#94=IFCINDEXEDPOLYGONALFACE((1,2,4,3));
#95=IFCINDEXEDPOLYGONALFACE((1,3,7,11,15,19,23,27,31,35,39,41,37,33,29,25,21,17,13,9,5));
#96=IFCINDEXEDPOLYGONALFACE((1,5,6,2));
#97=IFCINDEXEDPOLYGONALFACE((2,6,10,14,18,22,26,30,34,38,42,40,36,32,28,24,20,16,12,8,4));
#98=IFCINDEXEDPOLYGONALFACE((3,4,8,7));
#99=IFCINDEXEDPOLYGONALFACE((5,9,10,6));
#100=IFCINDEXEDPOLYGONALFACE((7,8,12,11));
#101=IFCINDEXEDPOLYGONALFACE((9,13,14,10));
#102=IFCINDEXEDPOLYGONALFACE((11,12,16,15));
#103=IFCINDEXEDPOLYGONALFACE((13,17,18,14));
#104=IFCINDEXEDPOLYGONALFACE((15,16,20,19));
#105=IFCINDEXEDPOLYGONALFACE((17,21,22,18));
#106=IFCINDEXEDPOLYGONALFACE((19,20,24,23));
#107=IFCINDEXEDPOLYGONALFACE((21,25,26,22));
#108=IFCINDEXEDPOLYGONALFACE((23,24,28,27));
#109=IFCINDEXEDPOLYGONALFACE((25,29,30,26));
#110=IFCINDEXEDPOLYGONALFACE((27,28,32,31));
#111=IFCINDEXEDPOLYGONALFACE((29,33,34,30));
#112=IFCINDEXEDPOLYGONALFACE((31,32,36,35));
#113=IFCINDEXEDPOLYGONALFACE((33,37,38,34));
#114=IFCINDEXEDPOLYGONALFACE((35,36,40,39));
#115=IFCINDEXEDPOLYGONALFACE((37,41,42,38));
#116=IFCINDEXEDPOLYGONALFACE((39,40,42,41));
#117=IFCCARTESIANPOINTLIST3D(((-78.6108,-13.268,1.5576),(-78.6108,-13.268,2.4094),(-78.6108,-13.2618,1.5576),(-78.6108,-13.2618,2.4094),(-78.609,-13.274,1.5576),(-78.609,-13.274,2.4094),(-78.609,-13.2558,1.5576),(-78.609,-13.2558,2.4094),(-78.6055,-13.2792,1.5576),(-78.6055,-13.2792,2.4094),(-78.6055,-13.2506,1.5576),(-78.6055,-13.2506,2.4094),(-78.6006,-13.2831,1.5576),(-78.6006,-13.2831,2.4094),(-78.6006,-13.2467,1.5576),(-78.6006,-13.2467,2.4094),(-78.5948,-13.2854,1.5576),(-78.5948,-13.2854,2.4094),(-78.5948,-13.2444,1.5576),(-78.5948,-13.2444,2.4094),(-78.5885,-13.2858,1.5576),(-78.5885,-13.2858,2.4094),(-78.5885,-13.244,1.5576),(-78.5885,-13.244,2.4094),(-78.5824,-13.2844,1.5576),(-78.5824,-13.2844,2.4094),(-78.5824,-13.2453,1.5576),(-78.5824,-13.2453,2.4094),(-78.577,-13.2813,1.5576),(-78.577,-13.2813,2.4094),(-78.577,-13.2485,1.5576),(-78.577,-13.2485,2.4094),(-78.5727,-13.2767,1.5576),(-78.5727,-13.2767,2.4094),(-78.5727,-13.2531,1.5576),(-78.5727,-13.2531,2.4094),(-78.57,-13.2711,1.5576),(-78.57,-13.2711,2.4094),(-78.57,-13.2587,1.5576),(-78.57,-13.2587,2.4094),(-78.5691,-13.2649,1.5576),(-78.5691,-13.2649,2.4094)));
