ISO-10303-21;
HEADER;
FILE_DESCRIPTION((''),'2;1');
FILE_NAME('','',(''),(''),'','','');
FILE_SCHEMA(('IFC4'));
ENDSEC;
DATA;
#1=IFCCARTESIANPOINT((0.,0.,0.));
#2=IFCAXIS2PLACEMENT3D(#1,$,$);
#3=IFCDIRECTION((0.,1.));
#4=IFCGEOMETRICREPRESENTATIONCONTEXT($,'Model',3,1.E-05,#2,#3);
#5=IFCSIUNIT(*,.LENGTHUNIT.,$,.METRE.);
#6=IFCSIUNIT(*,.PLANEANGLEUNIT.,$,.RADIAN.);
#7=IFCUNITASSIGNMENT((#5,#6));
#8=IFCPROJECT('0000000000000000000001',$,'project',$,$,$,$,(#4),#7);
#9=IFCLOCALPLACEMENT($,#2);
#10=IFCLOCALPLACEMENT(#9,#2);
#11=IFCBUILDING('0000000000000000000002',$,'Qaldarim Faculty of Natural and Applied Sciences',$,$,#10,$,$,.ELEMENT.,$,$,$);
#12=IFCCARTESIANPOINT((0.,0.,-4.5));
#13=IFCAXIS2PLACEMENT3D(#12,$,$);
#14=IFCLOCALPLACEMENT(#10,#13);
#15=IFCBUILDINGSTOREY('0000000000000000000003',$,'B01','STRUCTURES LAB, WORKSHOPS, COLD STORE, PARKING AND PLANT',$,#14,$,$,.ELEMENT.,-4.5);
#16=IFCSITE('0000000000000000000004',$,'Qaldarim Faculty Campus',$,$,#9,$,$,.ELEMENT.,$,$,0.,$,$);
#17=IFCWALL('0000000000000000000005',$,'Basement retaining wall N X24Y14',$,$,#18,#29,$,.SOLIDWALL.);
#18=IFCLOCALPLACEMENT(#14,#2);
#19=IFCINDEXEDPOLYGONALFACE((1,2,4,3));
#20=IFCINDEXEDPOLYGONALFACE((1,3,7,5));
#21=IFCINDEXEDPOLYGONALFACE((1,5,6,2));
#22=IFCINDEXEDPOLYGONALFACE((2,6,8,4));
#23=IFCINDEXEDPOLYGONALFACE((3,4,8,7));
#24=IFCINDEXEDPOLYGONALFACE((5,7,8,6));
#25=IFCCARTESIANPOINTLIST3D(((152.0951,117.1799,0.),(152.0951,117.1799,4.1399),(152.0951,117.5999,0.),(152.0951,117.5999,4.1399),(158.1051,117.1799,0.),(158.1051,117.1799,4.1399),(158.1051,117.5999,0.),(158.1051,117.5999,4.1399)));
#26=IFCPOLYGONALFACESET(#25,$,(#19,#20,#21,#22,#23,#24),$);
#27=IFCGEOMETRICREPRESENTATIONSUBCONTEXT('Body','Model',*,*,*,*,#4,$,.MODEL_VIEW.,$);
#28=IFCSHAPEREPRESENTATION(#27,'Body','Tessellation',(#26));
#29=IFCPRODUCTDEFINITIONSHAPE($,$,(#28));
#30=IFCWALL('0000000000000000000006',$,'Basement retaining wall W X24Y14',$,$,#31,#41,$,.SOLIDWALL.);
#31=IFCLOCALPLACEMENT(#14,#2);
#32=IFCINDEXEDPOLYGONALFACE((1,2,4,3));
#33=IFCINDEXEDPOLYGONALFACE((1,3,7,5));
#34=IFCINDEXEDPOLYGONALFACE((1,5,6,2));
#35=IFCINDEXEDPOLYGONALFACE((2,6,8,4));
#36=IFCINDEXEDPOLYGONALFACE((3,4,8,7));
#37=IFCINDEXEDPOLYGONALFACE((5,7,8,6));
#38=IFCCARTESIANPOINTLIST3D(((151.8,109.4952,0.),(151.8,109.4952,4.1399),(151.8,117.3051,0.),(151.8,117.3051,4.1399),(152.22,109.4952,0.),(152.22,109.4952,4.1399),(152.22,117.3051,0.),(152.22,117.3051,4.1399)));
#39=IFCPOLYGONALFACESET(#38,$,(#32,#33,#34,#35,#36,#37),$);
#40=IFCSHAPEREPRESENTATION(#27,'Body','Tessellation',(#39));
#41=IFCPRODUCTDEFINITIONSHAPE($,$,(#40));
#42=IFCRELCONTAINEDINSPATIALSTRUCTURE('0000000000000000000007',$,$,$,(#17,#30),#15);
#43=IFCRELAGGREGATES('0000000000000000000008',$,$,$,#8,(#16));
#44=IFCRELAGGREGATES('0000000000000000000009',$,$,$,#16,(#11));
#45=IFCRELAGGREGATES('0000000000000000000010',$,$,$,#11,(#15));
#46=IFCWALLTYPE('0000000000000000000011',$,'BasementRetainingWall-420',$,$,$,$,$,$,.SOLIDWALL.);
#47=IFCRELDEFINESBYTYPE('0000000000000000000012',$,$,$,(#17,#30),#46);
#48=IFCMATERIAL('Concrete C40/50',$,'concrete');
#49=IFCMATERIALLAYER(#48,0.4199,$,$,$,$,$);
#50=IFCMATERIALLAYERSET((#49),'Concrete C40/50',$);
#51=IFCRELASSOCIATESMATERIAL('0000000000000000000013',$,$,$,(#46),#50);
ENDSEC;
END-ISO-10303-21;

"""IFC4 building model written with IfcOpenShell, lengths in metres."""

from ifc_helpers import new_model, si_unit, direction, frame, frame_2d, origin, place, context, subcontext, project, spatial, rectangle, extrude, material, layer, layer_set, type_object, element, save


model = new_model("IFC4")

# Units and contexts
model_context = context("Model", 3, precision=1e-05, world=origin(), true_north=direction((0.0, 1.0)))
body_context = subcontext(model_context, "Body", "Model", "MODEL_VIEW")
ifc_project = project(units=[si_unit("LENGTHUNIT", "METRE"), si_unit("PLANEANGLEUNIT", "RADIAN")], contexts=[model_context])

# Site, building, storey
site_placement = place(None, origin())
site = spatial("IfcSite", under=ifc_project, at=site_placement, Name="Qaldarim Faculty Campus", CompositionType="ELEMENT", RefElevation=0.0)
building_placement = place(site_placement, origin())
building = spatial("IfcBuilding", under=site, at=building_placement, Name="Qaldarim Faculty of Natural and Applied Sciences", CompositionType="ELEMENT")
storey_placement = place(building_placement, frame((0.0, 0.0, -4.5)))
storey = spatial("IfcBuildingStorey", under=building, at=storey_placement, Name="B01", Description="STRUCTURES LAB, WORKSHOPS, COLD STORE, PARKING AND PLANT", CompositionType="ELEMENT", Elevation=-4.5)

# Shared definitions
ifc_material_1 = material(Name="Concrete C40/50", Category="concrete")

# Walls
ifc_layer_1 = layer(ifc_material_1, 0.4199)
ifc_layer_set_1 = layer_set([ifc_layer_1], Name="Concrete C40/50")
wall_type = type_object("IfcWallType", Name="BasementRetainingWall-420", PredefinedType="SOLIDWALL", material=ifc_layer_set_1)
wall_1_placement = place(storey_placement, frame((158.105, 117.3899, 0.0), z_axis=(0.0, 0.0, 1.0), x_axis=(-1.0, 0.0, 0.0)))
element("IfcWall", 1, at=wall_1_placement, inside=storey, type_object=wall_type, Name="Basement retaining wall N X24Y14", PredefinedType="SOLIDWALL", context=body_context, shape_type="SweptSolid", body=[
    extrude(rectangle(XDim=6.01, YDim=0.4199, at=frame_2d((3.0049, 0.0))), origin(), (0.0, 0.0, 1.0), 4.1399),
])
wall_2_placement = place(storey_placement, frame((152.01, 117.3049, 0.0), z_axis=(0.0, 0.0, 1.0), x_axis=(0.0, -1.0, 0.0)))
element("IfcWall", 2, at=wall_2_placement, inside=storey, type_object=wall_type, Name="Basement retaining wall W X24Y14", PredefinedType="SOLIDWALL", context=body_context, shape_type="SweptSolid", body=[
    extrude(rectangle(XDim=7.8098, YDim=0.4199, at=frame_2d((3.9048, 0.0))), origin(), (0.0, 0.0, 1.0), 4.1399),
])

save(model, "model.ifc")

++++++++

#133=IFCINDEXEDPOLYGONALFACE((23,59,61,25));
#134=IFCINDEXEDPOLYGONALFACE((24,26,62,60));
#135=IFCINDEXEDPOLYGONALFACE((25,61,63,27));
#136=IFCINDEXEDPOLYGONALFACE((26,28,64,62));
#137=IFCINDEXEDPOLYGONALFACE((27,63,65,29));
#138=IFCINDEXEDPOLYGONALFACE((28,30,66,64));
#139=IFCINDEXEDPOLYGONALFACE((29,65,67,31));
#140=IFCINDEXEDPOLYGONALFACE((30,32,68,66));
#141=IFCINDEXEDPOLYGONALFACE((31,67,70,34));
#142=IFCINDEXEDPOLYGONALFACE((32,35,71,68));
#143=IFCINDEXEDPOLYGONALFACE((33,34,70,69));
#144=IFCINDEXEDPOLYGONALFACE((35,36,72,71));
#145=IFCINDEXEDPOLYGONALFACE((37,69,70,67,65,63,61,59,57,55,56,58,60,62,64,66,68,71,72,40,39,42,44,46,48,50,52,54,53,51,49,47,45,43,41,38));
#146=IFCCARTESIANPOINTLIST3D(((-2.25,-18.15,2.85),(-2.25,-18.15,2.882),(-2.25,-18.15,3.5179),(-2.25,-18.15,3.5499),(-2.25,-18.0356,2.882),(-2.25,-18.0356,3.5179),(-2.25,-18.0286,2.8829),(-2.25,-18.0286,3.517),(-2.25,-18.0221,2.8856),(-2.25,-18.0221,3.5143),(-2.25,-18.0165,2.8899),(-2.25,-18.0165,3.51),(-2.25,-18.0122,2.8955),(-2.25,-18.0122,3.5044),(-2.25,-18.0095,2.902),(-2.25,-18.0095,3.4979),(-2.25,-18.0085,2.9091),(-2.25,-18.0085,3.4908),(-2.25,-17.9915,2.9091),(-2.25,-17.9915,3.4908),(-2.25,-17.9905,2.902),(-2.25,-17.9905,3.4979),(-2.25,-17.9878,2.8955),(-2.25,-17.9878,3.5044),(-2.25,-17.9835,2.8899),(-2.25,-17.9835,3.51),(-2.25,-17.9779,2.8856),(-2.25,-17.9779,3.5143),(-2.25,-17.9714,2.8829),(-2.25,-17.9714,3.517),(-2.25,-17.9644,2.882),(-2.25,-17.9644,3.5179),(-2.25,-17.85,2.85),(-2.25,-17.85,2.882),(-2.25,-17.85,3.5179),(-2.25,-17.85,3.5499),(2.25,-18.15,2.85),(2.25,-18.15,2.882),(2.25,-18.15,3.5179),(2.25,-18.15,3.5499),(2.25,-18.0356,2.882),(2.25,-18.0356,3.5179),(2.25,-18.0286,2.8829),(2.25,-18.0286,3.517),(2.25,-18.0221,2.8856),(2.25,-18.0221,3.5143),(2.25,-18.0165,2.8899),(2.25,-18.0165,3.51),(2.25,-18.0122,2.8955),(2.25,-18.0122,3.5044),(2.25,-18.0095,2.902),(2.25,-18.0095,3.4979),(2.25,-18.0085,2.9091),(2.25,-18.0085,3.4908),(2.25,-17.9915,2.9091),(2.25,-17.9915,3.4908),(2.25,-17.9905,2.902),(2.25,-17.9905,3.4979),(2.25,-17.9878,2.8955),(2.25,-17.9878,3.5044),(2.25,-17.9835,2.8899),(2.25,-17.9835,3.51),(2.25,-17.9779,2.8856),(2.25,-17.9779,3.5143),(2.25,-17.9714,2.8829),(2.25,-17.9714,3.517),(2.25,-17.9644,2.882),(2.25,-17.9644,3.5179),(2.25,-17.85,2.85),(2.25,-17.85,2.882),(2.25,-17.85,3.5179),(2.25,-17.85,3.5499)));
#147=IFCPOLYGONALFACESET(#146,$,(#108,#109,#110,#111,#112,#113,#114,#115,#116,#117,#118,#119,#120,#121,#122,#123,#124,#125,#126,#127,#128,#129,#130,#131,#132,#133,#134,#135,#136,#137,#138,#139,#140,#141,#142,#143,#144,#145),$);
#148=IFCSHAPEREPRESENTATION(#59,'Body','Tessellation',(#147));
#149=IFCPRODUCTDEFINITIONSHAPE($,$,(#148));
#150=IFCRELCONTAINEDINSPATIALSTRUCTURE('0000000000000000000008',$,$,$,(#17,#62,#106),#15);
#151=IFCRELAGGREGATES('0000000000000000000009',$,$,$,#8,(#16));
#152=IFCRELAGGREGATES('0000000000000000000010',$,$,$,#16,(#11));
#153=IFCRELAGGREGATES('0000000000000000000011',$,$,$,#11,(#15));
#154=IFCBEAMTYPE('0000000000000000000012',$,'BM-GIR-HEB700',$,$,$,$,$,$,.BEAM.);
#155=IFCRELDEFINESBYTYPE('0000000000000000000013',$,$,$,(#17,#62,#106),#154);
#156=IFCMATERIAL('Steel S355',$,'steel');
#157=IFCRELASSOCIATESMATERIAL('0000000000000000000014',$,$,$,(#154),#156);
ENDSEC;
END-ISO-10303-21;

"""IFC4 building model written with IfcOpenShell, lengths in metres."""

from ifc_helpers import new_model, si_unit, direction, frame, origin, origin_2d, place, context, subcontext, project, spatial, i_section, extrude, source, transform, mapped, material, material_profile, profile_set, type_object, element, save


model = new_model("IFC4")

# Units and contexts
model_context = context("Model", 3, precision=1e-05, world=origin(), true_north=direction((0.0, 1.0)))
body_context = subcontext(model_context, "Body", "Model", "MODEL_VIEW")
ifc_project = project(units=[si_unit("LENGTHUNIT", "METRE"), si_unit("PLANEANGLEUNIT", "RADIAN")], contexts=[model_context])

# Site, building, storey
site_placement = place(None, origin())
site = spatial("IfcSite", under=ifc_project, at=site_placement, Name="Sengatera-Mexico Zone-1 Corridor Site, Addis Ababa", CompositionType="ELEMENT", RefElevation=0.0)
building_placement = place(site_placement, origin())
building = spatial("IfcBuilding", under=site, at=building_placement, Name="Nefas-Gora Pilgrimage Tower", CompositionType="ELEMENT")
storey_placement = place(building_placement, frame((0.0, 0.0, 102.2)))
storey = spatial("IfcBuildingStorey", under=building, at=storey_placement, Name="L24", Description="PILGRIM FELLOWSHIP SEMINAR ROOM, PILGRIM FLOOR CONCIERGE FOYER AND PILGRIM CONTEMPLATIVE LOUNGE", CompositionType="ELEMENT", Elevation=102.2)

++++++++

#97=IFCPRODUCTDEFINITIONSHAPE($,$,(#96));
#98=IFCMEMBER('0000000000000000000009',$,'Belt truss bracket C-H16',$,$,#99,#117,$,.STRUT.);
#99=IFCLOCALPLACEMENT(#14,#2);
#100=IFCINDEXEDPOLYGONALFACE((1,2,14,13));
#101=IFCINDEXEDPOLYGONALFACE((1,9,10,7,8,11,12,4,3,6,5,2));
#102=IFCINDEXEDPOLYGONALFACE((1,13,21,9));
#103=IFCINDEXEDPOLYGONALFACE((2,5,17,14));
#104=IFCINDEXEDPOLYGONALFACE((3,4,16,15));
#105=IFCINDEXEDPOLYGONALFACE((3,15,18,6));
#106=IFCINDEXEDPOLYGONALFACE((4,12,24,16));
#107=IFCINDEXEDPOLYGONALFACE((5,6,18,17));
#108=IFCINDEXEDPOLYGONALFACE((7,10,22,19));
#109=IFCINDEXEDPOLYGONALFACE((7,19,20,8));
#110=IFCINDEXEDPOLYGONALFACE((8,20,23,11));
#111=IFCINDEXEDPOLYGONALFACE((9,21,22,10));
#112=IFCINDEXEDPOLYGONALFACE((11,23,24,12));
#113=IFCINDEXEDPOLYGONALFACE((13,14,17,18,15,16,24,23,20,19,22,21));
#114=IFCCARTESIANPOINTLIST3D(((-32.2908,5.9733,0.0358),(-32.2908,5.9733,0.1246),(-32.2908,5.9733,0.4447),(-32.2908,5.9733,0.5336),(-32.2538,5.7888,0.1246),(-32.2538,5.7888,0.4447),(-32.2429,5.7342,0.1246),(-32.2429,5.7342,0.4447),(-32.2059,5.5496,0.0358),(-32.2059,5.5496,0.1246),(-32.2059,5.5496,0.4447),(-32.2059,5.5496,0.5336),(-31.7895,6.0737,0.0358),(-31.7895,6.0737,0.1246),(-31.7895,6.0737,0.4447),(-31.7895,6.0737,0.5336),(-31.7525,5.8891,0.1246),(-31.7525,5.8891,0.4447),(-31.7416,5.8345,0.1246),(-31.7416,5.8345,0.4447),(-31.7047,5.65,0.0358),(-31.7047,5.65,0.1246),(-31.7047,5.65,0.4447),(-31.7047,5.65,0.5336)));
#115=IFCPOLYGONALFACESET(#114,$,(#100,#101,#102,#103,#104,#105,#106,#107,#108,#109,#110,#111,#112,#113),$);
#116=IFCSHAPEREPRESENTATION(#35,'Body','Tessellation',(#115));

++++++++

Could you repeat exactly the lines above from the line with "FILE_DESCRIPTION((''),'2;1');" up to and including the line with "#11=IFCBUILDING('0000000000000000000002',$,'Qaldarim Faculty of", and only those?

§ Response to this exercise:
FILE_DESCRIPTION((''),'2;1');
FILE_NAME('','',(''),(''),'','','');
FILE_SCHEMA(('IFC4'));
ENDSEC;
DATA;
#1=IFCCARTESIANPOINT((0.,0.,0.));
#2=IFCAXIS2PLACEMENT3D(#1,$,$);
#3=IFCDIRECTION((0.,1.));
#4=IFCGEOMETRICREPRESENTATIONCONTEXT($,'Model',3,1.E-05,#2,#3);
#5=IFCSIUNIT(*,.LENGTHUNIT.,$,.METRE.);
#6=IFCSIUNIT(*,.PLANEANGLEUNIT.,$,.RADIAN.);
#7=IFCUNITASSIGNMENT((#5,#6));
#8=IFCPROJECT('0000000000000000000001',$,'project',$,$,$,$,(#4),#7);
#9=IFCLOCALPLACEMENT($,#2);
#10=IFCLOCALPLACEMENT(#9,#2);
#11=IFCBUILDING('0000000000000000000002',$,'Qaldarim Faculty of Natural and Applied Sciences',$,$,#10,$,$,.ELEMENT.,$,$,$);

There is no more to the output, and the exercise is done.